WORK ITEM: Would you restate the entries below word for word, starting at the first line and ending with the one that has "#141=IFCINDEXEDPOLYGONALFACE((2,5,7));"?

BEGIN

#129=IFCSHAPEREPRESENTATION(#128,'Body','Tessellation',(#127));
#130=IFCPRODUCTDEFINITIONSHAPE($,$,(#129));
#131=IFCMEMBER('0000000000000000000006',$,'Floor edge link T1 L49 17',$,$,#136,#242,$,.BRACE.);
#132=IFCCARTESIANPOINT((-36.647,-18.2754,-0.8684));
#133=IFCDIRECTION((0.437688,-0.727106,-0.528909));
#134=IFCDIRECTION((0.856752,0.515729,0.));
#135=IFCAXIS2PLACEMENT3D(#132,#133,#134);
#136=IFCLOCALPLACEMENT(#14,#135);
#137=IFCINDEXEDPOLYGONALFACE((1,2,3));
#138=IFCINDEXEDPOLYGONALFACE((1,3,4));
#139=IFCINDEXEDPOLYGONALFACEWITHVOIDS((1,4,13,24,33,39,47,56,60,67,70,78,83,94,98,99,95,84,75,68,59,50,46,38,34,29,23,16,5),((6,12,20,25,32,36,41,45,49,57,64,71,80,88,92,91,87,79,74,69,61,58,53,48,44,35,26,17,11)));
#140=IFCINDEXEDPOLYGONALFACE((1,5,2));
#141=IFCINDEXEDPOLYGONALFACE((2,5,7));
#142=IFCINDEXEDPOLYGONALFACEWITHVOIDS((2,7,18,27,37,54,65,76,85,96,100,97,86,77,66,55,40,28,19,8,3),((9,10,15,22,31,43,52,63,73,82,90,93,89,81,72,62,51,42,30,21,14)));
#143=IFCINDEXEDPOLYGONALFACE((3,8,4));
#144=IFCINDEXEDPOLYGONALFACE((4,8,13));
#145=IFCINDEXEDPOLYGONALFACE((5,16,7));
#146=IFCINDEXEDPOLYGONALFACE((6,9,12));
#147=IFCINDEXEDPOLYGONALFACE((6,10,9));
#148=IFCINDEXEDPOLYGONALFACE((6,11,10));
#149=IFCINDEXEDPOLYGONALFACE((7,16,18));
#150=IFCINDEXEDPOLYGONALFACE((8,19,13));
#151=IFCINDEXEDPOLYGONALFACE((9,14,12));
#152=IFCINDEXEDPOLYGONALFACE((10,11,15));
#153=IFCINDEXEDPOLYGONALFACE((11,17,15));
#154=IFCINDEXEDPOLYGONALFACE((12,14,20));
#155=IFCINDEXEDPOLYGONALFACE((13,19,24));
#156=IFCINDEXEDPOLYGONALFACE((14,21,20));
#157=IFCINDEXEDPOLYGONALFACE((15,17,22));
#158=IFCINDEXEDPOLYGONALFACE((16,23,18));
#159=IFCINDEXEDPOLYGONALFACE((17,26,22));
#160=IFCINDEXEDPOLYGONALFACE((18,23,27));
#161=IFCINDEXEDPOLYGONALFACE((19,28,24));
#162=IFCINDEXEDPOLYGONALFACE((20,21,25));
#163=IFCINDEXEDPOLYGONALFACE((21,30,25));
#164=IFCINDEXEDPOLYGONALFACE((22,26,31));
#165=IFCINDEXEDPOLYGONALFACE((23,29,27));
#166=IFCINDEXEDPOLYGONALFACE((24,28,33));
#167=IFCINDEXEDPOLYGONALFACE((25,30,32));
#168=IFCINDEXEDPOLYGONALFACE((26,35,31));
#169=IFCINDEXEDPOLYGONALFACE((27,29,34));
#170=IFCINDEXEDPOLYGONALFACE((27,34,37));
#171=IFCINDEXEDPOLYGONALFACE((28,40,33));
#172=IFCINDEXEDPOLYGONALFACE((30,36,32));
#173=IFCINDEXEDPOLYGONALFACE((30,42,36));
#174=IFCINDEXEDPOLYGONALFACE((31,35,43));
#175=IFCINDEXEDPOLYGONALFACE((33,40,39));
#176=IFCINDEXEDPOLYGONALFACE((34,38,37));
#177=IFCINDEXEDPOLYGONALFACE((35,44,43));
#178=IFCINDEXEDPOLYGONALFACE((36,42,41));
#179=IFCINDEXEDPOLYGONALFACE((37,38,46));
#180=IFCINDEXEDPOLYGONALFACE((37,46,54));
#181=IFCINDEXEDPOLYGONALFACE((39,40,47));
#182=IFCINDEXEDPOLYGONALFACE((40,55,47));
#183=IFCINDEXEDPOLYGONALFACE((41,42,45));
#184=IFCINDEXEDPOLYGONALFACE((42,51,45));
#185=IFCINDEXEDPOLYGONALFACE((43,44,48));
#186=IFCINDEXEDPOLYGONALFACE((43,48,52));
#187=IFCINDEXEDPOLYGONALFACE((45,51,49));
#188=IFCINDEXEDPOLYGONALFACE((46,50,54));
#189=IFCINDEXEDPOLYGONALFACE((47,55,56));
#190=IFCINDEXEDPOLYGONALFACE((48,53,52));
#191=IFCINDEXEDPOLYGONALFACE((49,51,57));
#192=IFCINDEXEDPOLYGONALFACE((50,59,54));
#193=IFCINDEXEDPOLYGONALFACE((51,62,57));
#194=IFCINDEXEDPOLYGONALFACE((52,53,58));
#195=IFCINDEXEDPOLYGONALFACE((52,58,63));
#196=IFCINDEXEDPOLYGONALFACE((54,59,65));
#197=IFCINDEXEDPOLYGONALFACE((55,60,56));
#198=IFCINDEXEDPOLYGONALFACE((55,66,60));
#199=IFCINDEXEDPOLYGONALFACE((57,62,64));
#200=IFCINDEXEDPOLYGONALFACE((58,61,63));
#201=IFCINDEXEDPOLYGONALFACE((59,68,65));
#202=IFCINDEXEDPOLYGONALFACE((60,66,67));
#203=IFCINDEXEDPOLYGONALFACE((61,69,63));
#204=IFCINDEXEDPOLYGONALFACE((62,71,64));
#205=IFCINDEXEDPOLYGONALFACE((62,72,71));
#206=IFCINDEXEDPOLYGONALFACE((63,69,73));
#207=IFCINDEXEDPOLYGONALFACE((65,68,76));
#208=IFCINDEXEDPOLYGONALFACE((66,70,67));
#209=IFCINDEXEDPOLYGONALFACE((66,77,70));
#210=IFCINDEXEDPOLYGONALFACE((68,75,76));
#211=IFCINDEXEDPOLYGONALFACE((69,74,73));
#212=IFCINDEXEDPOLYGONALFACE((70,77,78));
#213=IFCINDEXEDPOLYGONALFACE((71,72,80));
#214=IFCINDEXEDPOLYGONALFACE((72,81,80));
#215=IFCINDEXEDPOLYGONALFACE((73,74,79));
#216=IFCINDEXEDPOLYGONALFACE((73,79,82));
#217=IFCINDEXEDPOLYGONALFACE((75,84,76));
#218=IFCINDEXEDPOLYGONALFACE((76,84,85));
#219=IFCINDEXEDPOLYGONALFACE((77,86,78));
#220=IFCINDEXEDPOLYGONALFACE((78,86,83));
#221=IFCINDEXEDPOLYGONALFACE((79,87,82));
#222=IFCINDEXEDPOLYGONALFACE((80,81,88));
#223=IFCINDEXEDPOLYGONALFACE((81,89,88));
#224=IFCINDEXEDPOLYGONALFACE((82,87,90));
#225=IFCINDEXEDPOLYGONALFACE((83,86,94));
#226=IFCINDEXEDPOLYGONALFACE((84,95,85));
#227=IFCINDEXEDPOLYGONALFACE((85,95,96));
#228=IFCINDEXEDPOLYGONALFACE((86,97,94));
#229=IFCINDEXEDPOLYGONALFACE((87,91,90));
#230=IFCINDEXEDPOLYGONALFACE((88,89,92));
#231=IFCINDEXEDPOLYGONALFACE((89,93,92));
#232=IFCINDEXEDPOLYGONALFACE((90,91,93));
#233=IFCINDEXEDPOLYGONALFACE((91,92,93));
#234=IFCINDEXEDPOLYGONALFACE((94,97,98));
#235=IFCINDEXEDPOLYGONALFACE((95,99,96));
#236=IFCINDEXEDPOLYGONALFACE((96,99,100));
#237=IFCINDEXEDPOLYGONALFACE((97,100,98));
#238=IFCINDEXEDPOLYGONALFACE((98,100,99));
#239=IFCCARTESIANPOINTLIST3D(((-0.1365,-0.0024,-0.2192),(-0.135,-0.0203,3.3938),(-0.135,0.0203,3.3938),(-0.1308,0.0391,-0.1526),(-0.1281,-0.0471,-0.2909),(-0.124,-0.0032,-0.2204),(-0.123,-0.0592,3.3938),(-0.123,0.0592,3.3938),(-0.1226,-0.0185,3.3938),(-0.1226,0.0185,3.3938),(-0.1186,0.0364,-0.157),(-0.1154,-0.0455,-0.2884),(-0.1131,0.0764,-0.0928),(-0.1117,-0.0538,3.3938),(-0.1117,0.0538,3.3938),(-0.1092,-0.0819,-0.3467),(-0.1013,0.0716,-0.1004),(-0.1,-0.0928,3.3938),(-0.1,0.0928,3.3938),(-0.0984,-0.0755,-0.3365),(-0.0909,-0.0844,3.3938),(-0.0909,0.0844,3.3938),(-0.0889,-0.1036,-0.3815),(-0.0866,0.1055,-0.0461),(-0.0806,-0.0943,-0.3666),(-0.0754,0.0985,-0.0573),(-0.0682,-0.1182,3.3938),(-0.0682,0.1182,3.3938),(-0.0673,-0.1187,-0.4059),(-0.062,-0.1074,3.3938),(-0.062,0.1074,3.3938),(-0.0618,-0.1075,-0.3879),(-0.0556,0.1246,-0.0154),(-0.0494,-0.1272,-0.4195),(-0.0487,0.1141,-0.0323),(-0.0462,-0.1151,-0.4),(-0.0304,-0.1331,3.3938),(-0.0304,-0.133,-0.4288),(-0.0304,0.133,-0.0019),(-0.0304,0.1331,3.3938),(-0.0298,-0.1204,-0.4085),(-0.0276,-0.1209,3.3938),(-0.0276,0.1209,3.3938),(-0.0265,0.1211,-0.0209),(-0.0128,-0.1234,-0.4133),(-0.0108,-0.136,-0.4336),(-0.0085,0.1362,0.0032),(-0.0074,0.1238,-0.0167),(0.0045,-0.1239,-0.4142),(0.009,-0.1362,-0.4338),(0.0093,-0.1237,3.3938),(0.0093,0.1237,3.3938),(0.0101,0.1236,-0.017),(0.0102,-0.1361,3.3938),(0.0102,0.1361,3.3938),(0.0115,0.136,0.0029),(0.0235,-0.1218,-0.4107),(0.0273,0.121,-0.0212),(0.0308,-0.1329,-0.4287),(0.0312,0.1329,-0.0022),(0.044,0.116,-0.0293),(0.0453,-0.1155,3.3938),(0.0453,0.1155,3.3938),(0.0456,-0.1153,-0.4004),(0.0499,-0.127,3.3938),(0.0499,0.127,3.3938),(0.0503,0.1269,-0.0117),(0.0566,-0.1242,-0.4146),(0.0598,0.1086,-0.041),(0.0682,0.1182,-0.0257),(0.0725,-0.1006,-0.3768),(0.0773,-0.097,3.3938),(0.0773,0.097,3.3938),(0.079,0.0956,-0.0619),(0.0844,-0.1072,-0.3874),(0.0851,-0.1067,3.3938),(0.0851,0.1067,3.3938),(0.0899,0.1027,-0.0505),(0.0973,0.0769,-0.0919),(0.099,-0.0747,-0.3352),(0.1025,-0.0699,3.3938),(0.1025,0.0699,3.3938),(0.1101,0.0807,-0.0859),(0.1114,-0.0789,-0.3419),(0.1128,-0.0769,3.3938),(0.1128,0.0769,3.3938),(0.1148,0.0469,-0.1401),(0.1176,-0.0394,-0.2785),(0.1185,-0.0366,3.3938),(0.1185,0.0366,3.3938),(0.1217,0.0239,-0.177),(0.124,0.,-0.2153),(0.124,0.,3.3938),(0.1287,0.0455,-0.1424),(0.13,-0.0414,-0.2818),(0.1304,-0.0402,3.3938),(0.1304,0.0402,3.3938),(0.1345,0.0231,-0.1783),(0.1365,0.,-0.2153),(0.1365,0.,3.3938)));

END

TASK SOLUTION:
#129=IFCSHAPEREPRESENTATION(#128,'Body','Tessellation',(#127));
#130=IFCPRODUCTDEFINITIONSHAPE($,$,(#129));
#131=IFCMEMBER('0000000000000000000006',$,'Floor edge link T1 L49 17',$,$,#136,#242,$,.BRACE.);
#132=IFCCARTESIANPOINT((-36.647,-18.2754,-0.8684));
#133=IFCDIRECTION((0.437688,-0.727106,-0.528909));
#134=IFCDIRECTION((0.856752,0.515729,0.));
#135=IFCAXIS2PLACEMENT3D(#132,#133,#134);
#136=IFCLOCALPLACEMENT(#14,#135);
#137=IFCINDEXEDPOLYGONALFACE((1,2,3));
#138=IFCINDEXEDPOLYGONALFACE((1,3,4));
#139=IFCINDEXEDPOLYGONALFACEWITHVOIDS((1,4,13,24,33,39,47,56,60,67,70,78,83,94,98,99,95,84,75,68,59,50,46,38,34,29,23,16,5),((6,12,20,25,32,36,41,45,49,57,64,71,80,88,92,91,87,79,74,69,61,58,53,48,44,35,26,17,11)));
#140=IFCINDEXEDPOLYGONALFACE((1,5,2));
#141=IFCINDEXEDPOLYGONALFACE((2,5,7));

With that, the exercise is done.